What you will do: Exactly the lines starting at the line containing "#111=IFCINDEXEDPOLYGONALFACE((1,13,14,2));" and ending at the line containing "#118=IFCINDEXEDPOLYGONALFACE((13,15,16,14));" are to be written out from the listing below, both included.

Materials provided:
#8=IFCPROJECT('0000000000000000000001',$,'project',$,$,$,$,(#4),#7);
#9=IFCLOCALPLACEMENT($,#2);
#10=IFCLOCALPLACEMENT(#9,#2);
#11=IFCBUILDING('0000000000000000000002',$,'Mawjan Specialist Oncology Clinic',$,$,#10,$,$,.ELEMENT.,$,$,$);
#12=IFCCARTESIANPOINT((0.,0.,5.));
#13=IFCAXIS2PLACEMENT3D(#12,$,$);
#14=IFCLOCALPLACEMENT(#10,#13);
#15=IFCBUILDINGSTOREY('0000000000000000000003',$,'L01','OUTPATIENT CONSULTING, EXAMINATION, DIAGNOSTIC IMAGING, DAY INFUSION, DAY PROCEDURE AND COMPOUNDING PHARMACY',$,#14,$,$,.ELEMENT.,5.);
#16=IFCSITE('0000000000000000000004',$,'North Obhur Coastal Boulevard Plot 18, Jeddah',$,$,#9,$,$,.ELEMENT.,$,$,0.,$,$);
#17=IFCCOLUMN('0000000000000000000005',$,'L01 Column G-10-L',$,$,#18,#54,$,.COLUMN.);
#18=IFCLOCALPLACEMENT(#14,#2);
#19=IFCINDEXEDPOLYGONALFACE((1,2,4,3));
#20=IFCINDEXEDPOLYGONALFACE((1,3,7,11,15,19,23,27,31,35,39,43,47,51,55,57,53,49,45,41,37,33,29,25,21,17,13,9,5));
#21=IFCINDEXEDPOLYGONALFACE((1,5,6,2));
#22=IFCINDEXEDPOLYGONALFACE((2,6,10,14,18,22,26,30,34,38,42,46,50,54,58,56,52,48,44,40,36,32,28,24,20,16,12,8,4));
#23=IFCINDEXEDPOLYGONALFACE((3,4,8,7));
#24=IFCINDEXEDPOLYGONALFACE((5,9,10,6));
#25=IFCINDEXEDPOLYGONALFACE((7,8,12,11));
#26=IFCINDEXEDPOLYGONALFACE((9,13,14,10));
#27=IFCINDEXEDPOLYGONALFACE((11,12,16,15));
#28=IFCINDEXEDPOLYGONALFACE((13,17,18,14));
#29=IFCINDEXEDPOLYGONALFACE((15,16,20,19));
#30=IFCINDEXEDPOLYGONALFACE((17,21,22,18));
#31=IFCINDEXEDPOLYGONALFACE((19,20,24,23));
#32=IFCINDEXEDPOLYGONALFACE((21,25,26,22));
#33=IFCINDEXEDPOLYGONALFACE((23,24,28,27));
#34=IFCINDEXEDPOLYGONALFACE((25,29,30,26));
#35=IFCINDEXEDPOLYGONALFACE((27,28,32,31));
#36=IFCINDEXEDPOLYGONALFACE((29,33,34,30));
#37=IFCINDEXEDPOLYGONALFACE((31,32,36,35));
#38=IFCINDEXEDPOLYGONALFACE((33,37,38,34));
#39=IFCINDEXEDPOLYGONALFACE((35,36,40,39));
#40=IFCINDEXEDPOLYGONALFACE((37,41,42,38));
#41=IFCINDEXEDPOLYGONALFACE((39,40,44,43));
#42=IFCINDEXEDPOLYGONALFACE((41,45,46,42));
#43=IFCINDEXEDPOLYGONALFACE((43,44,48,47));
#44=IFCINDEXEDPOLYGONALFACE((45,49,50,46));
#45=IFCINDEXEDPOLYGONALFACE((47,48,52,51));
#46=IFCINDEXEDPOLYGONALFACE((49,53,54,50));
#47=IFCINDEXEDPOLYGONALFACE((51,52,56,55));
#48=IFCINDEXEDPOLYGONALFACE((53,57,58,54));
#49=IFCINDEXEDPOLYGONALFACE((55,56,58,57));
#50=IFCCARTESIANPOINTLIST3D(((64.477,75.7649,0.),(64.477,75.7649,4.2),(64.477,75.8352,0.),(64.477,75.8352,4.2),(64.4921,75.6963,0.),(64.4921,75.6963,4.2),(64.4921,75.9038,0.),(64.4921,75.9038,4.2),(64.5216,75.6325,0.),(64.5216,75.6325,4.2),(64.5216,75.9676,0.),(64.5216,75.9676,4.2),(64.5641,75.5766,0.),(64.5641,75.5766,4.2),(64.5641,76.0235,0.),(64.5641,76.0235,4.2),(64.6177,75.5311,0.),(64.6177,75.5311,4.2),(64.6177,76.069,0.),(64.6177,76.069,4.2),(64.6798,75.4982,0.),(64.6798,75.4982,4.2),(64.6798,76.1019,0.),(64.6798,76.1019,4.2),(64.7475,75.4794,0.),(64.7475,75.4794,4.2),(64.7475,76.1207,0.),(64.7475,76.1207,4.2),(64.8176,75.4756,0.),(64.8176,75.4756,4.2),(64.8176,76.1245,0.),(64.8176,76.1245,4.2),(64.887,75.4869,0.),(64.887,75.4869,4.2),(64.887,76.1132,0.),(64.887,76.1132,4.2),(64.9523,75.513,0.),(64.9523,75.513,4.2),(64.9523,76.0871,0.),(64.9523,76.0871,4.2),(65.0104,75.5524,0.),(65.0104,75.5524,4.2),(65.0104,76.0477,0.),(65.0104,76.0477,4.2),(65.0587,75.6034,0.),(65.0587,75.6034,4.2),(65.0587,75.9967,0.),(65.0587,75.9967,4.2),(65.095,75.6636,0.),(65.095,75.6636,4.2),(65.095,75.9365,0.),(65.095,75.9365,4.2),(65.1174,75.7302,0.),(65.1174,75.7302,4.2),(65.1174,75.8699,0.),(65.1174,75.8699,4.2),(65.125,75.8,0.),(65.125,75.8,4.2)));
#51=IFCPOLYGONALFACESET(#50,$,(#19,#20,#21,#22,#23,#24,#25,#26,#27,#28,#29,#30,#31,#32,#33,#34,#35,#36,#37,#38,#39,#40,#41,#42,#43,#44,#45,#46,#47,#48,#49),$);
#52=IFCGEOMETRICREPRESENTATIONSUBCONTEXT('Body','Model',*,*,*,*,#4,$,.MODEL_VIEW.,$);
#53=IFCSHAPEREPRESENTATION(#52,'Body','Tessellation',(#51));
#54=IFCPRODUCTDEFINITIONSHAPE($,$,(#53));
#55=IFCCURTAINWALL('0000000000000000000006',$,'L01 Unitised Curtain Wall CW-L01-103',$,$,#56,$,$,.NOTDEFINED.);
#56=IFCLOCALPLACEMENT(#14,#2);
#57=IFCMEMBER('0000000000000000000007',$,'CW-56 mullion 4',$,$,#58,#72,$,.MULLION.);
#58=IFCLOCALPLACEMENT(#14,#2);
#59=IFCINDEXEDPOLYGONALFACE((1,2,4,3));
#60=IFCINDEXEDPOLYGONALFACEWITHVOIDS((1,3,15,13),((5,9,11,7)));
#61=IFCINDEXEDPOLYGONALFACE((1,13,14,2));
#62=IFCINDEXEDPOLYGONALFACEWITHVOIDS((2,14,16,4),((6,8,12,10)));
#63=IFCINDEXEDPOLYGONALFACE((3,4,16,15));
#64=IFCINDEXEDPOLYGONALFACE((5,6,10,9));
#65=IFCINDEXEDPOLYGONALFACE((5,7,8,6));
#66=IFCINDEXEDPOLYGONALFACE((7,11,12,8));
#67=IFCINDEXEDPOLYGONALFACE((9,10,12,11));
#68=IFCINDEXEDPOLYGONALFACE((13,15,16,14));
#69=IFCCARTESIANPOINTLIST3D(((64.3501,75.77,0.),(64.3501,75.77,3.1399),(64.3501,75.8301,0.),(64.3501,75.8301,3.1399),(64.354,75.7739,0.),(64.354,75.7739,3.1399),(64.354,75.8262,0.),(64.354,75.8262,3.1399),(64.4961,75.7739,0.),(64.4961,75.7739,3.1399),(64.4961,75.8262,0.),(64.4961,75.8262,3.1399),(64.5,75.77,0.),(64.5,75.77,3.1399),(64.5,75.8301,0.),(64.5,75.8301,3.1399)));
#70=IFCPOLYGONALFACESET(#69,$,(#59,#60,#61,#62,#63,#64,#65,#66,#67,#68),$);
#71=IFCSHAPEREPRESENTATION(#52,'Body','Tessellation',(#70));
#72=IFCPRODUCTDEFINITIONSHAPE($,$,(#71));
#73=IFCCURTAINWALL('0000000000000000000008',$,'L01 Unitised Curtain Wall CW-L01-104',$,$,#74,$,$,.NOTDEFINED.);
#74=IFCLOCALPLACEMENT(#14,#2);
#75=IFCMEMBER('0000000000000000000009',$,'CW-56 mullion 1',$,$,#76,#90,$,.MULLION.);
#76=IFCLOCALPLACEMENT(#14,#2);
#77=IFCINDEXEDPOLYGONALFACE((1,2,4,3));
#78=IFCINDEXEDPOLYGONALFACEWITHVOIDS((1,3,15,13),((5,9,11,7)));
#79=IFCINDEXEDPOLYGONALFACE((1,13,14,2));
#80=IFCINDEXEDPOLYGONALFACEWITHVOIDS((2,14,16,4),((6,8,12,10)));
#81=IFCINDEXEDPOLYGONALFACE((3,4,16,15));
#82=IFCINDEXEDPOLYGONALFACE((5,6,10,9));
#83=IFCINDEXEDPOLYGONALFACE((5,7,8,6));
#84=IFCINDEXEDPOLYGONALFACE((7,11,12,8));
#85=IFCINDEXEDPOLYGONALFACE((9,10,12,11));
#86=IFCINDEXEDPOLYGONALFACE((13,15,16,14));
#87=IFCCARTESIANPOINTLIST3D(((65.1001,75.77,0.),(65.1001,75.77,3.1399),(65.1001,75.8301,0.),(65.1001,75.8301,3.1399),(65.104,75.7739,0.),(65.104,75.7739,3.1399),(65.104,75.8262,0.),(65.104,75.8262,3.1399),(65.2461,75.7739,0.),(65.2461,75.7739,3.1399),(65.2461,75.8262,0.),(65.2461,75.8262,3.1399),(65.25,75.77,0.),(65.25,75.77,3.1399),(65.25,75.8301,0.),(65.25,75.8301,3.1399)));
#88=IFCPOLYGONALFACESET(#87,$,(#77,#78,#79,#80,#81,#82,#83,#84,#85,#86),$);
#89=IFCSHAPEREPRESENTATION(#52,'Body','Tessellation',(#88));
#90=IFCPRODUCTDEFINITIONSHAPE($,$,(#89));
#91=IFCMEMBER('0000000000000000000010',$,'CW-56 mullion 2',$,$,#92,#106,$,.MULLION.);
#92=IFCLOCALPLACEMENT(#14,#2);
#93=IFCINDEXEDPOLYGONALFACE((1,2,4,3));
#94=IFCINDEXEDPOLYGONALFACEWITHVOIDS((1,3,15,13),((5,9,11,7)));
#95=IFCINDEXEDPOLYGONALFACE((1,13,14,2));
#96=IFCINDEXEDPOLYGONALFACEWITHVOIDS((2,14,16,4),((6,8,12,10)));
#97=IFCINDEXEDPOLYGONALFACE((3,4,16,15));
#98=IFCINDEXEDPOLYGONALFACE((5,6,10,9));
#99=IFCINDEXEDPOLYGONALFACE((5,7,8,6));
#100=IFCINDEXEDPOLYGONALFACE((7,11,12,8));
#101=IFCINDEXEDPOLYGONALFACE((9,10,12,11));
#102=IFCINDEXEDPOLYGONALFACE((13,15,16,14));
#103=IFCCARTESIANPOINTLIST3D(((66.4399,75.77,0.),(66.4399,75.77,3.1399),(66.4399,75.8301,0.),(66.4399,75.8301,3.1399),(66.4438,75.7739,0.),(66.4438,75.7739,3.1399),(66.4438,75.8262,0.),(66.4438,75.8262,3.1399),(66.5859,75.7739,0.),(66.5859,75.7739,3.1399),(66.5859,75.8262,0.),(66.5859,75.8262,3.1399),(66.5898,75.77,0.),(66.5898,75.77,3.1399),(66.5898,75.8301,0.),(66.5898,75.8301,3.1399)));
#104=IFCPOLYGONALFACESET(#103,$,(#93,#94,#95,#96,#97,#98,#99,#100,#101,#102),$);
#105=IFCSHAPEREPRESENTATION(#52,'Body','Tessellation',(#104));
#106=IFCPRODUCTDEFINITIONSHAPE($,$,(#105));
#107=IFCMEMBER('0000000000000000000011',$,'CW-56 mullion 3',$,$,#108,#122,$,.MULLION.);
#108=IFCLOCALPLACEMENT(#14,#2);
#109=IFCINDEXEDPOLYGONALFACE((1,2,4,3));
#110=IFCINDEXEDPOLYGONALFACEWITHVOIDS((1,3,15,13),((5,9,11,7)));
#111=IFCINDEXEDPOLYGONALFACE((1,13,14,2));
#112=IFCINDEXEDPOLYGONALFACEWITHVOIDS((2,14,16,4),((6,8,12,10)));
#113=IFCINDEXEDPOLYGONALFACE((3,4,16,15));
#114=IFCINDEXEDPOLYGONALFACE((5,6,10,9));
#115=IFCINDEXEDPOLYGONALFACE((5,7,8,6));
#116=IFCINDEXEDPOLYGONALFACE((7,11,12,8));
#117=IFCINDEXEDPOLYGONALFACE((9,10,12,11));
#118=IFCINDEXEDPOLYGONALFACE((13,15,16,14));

* * *

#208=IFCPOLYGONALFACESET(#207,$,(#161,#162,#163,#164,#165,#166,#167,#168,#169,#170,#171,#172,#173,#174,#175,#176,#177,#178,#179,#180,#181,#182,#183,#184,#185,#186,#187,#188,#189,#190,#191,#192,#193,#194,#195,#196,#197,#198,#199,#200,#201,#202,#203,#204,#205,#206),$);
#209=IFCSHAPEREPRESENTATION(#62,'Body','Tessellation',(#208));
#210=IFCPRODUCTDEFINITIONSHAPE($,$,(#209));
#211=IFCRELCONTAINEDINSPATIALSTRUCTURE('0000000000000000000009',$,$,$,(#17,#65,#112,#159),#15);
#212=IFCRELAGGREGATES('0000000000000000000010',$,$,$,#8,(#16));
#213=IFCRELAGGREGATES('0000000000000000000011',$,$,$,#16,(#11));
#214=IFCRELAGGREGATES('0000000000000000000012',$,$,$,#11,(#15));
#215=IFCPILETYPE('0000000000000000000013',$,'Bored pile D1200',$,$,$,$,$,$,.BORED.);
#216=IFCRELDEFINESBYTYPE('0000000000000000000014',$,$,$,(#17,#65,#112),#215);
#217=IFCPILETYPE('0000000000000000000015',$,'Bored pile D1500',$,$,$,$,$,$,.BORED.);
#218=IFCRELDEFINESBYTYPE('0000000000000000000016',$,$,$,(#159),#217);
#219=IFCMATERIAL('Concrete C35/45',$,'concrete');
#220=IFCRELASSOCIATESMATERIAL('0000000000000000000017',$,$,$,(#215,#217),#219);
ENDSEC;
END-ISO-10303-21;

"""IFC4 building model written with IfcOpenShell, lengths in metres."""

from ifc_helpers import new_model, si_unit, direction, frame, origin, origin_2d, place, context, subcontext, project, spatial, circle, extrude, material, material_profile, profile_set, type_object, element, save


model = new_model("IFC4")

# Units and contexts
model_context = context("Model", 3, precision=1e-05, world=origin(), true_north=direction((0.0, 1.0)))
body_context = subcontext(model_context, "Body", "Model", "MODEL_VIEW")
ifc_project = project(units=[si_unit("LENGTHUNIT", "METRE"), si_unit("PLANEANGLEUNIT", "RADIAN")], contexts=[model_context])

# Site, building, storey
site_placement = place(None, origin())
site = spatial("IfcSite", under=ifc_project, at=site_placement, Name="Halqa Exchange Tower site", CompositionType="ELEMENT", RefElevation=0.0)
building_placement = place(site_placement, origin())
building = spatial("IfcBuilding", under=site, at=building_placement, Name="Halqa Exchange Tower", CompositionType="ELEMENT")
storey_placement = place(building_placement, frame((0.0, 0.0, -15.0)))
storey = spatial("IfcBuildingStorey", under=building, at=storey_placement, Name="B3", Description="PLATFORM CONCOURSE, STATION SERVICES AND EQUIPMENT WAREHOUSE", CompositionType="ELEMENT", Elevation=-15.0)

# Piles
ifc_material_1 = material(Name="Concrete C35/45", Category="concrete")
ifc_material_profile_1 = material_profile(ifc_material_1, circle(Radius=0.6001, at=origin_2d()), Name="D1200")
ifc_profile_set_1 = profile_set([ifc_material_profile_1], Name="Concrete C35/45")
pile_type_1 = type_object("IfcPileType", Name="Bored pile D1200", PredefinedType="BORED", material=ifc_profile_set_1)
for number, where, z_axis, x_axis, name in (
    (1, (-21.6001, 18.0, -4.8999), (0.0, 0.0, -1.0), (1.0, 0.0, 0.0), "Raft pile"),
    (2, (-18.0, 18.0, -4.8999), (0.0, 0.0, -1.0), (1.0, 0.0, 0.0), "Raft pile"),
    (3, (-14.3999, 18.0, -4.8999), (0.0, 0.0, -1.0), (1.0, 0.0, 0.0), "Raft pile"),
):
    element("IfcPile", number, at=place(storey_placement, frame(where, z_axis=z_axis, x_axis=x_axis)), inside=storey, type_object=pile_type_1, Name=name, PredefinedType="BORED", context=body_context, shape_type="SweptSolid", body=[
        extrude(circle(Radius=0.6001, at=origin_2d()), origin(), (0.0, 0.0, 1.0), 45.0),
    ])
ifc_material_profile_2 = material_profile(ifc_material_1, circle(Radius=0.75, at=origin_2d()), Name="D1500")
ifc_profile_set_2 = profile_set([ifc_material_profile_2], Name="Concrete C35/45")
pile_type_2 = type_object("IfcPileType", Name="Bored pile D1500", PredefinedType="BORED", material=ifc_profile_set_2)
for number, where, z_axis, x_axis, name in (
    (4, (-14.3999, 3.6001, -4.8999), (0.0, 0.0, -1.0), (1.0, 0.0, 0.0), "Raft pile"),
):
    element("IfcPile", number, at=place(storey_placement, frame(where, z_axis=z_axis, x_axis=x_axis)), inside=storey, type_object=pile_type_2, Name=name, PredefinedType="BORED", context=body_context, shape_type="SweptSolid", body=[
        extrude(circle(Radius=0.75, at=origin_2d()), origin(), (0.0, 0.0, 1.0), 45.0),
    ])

Answer to this exercise:
#111=IFCINDEXEDPOLYGONALFACE((1,13,14,2));
#112=IFCINDEXEDPOLYGONALFACEWITHVOIDS((2,14,16,4),((6,8,12,10)));
#113=IFCINDEXEDPOLYGONALFACE((3,4,16,15));
#114=IFCINDEXEDPOLYGONALFACE((5,6,10,9));
#115=IFCINDEXEDPOLYGONALFACE((5,7,8,6));
#116=IFCINDEXEDPOLYGONALFACE((7,11,12,8));
#117=IFCINDEXEDPOLYGONALFACE((9,10,12,11));
#118=IFCINDEXEDPOLYGONALFACE((13,15,16,14));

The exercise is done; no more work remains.